▶ [Task objective]:
The line containing "#149=IFCINDEXEDPOLYGONALFACE((55,56,64,63));" marks the end, so write out exactly every line from the top of the entries below through that one.

▶ [Supplied records]:
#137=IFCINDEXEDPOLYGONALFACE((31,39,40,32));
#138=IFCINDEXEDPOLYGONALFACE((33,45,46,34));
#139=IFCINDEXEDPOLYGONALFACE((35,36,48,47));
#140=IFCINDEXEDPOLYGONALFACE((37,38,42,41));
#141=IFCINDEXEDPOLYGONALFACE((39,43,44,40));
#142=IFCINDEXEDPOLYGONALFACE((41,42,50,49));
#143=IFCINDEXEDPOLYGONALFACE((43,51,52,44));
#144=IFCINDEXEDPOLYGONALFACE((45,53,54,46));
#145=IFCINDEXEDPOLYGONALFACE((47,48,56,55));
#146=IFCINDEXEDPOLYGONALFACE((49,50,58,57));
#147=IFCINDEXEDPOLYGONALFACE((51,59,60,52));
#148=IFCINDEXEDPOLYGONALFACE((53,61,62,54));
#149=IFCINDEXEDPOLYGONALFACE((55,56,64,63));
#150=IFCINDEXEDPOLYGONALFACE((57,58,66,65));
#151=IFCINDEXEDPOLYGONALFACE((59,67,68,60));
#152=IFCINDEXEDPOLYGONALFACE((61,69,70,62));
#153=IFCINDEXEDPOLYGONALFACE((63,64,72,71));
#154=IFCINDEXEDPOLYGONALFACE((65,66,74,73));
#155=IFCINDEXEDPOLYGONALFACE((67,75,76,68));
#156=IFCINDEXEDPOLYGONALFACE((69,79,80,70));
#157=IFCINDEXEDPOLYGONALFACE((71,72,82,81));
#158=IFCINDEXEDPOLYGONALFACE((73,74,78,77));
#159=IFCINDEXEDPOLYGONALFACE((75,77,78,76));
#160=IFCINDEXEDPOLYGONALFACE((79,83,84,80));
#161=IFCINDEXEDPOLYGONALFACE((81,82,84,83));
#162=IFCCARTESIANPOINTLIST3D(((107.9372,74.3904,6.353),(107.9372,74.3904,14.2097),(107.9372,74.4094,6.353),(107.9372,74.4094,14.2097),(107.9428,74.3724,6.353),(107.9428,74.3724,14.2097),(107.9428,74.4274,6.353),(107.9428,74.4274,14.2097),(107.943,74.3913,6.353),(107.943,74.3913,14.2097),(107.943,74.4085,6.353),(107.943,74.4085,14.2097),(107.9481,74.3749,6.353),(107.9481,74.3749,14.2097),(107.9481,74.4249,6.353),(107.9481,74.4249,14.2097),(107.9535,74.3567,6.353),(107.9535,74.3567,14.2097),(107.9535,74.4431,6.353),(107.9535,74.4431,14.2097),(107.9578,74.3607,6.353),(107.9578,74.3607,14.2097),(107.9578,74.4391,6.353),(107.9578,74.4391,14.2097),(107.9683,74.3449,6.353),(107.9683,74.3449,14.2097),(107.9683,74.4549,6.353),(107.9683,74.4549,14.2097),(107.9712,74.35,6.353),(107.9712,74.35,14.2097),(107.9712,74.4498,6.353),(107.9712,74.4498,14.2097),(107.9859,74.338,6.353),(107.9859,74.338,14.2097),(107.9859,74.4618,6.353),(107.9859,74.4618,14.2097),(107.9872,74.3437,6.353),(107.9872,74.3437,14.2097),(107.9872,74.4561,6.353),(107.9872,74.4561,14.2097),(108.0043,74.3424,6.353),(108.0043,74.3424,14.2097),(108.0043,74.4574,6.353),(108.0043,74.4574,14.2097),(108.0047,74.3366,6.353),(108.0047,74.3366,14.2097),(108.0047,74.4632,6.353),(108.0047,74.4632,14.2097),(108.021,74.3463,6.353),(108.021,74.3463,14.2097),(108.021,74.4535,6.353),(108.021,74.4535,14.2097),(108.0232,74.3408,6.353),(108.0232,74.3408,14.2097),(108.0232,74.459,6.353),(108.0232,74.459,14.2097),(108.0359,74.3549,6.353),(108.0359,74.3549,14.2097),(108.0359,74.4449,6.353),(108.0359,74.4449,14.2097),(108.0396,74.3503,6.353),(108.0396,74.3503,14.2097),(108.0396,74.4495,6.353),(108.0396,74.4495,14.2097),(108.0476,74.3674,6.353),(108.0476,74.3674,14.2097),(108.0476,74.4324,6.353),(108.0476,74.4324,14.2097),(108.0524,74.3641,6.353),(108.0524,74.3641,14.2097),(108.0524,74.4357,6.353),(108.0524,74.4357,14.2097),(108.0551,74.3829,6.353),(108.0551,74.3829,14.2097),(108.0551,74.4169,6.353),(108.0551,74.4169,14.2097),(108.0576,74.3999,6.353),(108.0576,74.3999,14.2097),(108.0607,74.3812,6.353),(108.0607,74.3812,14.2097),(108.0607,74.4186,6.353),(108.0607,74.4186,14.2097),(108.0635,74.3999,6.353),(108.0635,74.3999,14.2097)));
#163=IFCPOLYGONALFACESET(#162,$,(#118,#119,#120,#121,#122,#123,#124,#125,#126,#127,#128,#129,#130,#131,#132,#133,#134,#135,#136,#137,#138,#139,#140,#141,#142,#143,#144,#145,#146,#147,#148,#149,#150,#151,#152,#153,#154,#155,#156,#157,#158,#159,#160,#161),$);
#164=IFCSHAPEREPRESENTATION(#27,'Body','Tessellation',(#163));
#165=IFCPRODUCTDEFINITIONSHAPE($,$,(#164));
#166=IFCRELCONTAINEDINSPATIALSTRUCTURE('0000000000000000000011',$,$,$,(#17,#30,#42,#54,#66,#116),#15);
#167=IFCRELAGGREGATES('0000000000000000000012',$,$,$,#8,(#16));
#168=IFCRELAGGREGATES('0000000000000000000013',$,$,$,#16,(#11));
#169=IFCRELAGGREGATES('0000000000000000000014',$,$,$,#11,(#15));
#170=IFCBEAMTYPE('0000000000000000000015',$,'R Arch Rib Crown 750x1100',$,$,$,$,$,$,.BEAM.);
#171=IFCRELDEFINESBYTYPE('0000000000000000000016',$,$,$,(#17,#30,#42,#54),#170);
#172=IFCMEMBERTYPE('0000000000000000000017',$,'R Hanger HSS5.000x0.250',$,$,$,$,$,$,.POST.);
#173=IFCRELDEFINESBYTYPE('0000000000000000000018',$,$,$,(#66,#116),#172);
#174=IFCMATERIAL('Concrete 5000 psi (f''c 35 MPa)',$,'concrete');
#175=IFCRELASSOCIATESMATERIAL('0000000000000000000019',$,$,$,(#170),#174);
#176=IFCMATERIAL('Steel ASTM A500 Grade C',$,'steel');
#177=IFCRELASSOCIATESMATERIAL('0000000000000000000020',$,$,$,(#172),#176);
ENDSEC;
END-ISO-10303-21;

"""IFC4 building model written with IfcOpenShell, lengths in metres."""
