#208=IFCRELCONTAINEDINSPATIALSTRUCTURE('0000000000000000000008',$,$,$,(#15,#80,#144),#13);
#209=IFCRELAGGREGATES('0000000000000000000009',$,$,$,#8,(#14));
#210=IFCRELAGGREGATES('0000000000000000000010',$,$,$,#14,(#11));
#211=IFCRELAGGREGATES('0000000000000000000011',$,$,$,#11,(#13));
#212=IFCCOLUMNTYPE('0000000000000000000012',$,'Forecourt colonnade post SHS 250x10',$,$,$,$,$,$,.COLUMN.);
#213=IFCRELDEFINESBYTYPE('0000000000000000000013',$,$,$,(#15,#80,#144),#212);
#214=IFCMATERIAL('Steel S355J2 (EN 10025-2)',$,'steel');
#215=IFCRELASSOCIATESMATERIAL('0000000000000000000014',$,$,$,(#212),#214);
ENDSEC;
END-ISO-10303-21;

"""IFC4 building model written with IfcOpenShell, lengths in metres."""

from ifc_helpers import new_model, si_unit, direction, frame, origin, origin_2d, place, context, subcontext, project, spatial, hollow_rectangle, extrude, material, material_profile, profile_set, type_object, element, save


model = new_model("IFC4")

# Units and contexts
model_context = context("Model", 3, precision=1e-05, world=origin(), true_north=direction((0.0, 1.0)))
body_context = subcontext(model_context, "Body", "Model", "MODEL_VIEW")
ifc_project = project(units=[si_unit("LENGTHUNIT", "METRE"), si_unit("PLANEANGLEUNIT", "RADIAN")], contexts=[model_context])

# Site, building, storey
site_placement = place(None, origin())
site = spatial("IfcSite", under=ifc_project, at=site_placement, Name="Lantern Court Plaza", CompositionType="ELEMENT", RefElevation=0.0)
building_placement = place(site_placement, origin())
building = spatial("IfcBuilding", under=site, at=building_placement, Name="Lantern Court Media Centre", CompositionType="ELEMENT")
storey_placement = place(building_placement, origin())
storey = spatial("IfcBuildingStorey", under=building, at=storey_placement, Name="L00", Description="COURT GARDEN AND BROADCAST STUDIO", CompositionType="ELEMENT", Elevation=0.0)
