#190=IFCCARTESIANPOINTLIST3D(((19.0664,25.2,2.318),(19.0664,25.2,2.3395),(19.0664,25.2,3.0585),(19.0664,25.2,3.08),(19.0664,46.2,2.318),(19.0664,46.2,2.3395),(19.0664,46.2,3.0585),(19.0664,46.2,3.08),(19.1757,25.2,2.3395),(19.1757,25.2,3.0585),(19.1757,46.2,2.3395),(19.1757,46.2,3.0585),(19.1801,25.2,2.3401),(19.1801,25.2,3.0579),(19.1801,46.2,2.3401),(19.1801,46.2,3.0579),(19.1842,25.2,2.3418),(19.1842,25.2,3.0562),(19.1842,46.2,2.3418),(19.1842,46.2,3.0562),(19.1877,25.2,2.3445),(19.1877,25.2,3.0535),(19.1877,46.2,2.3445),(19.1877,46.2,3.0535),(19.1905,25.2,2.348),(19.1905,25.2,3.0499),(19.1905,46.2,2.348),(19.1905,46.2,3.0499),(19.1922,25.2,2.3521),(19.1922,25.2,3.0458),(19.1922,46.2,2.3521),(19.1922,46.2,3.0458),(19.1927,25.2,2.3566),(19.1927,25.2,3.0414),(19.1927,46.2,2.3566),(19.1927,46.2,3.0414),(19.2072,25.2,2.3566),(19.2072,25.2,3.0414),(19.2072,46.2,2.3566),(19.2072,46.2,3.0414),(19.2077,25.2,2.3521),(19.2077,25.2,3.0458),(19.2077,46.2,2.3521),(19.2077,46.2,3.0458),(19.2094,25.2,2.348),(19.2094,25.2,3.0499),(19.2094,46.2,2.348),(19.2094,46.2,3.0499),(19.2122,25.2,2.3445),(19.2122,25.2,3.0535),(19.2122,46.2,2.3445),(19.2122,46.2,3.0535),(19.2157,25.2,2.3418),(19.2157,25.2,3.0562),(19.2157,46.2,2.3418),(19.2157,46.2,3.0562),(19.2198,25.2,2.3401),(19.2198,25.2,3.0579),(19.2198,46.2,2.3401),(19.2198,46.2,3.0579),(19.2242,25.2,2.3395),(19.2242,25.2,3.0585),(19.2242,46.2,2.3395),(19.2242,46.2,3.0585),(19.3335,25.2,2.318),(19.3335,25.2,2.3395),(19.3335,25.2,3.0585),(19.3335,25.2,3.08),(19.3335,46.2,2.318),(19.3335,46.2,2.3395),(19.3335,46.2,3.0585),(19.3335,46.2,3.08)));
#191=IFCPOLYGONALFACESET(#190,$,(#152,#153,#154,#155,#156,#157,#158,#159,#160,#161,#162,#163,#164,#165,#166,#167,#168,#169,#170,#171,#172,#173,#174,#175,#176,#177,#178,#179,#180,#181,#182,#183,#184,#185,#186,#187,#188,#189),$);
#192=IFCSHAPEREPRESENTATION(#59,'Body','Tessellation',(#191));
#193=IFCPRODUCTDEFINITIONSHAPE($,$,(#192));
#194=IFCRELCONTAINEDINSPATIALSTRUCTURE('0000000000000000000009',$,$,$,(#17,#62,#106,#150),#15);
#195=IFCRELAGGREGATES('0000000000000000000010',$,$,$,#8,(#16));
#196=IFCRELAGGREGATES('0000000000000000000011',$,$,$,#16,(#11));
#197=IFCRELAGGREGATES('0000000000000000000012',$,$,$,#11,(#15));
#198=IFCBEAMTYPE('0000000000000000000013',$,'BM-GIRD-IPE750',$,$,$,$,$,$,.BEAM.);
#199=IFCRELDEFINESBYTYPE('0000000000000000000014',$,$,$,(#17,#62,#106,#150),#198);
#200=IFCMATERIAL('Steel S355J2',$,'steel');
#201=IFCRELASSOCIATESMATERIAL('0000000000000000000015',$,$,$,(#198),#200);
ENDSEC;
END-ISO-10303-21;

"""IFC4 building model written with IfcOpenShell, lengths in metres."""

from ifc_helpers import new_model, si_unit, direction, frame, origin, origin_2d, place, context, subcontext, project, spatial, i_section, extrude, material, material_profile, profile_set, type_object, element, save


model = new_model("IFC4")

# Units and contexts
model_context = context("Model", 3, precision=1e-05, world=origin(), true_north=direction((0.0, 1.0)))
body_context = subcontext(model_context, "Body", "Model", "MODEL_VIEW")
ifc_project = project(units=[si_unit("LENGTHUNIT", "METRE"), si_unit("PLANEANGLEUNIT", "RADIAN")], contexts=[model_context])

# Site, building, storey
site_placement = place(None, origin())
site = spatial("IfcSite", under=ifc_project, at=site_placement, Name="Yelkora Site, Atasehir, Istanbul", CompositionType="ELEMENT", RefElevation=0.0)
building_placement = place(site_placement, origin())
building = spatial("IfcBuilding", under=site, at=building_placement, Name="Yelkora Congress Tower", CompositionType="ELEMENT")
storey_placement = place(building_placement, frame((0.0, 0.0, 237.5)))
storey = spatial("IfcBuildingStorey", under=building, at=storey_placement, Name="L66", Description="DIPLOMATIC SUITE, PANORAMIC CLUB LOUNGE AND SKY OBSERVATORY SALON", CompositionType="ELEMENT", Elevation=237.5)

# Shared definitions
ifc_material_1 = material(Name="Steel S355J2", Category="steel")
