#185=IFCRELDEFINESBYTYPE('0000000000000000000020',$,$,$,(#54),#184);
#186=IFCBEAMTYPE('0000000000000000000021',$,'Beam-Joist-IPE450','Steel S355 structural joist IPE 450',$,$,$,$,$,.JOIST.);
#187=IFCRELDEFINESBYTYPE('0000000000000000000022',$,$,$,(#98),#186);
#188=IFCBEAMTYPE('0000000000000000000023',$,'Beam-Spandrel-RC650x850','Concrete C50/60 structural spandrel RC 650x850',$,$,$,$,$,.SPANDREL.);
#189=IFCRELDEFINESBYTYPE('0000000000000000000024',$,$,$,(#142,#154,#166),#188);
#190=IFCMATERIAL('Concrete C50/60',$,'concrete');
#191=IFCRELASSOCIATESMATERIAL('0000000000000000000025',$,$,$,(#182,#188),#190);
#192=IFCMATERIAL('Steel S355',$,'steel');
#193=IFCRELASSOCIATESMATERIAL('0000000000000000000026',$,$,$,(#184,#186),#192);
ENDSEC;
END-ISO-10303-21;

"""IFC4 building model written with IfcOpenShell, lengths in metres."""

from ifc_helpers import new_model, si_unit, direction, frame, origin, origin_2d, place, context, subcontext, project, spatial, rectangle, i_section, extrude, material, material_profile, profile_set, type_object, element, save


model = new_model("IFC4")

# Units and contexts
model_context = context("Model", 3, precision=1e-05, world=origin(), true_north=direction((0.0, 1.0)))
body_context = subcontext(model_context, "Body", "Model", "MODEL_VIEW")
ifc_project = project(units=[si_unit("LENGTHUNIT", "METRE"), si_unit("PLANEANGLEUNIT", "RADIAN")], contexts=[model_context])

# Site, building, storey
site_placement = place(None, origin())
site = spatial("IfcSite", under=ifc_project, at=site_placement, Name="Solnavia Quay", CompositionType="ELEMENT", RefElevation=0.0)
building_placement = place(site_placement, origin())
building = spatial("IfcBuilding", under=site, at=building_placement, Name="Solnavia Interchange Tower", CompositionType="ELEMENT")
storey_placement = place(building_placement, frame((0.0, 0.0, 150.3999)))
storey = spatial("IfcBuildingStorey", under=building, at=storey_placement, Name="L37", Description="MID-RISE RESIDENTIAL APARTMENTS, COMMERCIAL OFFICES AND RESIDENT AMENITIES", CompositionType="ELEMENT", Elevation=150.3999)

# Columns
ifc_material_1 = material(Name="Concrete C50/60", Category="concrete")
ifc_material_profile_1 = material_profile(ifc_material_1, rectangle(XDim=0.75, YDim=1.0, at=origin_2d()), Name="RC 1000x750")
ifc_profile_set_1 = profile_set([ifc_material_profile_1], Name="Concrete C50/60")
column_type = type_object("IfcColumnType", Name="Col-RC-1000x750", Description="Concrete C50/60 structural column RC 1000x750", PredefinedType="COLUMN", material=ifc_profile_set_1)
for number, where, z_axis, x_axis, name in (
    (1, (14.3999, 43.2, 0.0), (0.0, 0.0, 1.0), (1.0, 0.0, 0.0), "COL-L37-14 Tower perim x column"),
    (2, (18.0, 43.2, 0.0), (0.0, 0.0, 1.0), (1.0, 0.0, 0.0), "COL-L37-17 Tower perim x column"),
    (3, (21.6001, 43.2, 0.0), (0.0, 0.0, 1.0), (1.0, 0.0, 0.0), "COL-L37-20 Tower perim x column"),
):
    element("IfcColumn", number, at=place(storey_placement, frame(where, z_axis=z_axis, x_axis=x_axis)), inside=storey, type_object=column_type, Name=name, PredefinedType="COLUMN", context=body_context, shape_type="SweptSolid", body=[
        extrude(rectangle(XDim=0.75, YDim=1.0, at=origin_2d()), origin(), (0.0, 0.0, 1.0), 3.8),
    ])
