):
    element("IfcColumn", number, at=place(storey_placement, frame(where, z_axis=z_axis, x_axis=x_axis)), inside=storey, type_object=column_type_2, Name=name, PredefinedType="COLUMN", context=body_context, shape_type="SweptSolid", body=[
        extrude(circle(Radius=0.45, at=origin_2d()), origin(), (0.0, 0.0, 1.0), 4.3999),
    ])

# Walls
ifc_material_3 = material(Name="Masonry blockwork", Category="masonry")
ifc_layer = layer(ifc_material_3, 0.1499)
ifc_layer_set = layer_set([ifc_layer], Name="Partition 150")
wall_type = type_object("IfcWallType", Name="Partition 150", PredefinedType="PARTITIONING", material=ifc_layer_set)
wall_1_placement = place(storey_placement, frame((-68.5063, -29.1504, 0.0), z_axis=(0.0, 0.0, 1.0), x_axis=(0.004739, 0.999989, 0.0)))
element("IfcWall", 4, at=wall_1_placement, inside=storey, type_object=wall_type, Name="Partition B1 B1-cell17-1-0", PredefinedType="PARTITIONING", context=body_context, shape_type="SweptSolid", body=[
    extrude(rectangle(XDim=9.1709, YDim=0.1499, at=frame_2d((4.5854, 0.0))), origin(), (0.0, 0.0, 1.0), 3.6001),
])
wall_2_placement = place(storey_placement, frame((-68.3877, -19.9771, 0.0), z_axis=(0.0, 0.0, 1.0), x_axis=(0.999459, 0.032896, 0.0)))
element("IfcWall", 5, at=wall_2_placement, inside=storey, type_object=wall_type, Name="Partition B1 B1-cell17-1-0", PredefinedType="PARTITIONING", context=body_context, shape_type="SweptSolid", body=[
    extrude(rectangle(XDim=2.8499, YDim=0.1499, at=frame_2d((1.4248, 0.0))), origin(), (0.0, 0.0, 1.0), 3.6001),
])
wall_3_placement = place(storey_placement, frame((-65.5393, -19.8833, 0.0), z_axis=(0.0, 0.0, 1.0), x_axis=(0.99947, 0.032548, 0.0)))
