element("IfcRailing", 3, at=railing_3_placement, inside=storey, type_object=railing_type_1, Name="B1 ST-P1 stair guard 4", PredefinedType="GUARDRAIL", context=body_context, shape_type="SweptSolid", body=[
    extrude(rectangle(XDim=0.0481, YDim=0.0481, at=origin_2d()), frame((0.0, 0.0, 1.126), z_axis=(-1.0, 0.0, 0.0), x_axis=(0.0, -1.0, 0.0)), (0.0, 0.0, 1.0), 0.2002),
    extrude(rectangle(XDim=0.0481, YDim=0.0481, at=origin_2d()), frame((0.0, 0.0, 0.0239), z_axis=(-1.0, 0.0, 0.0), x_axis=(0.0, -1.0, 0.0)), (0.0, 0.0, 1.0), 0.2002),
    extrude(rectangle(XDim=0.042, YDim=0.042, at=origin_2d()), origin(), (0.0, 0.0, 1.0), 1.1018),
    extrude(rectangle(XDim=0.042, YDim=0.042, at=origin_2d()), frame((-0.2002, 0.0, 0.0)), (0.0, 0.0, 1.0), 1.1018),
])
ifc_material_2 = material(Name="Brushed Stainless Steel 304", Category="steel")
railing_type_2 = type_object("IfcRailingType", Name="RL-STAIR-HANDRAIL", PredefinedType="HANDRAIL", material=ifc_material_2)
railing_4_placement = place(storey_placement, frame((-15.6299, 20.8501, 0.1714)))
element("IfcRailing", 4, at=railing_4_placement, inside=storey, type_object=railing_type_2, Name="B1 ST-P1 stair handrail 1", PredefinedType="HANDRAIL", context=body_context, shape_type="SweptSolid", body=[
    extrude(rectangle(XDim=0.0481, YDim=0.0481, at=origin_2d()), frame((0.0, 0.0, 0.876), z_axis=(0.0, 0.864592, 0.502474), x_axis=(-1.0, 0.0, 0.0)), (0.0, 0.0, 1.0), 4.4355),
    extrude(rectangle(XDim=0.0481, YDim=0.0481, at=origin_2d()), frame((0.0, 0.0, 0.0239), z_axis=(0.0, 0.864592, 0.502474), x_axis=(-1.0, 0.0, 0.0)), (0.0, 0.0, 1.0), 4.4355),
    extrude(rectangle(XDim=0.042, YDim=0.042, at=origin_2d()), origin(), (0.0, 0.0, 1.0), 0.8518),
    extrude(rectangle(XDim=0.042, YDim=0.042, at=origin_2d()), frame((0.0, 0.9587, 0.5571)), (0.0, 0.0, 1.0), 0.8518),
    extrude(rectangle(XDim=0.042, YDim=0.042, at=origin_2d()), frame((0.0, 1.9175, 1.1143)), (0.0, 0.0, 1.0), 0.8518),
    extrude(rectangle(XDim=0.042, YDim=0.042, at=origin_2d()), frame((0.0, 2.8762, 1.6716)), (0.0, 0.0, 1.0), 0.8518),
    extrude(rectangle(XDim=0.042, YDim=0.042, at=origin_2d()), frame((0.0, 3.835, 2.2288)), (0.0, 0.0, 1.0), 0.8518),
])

▶ [Task answer]:
#137=IFCINDEXEDPOLYGONALFACE((31,39,40,32));
#138=IFCINDEXEDPOLYGONALFACE((33,45,46,34));
#139=IFCINDEXEDPOLYGONALFACE((35,36,48,47));
#140=IFCINDEXEDPOLYGONALFACE((37,38,42,41));
#141=IFCINDEXEDPOLYGONALFACE((39,43,44,40));
#142=IFCINDEXEDPOLYGONALFACE((41,42,50,49));
#143=IFCINDEXEDPOLYGONALFACE((43,51,52,44));
#144=IFCINDEXEDPOLYGONALFACE((45,53,54,46));
#145=IFCINDEXEDPOLYGONALFACE((47,48,56,55));
#146=IFCINDEXEDPOLYGONALFACE((49,50,58,57));
#147=IFCINDEXEDPOLYGONALFACE((51,59,60,52));
#148=IFCINDEXEDPOLYGONALFACE((53,61,62,54));
#149=IFCINDEXEDPOLYGONALFACE((55,56,64,63));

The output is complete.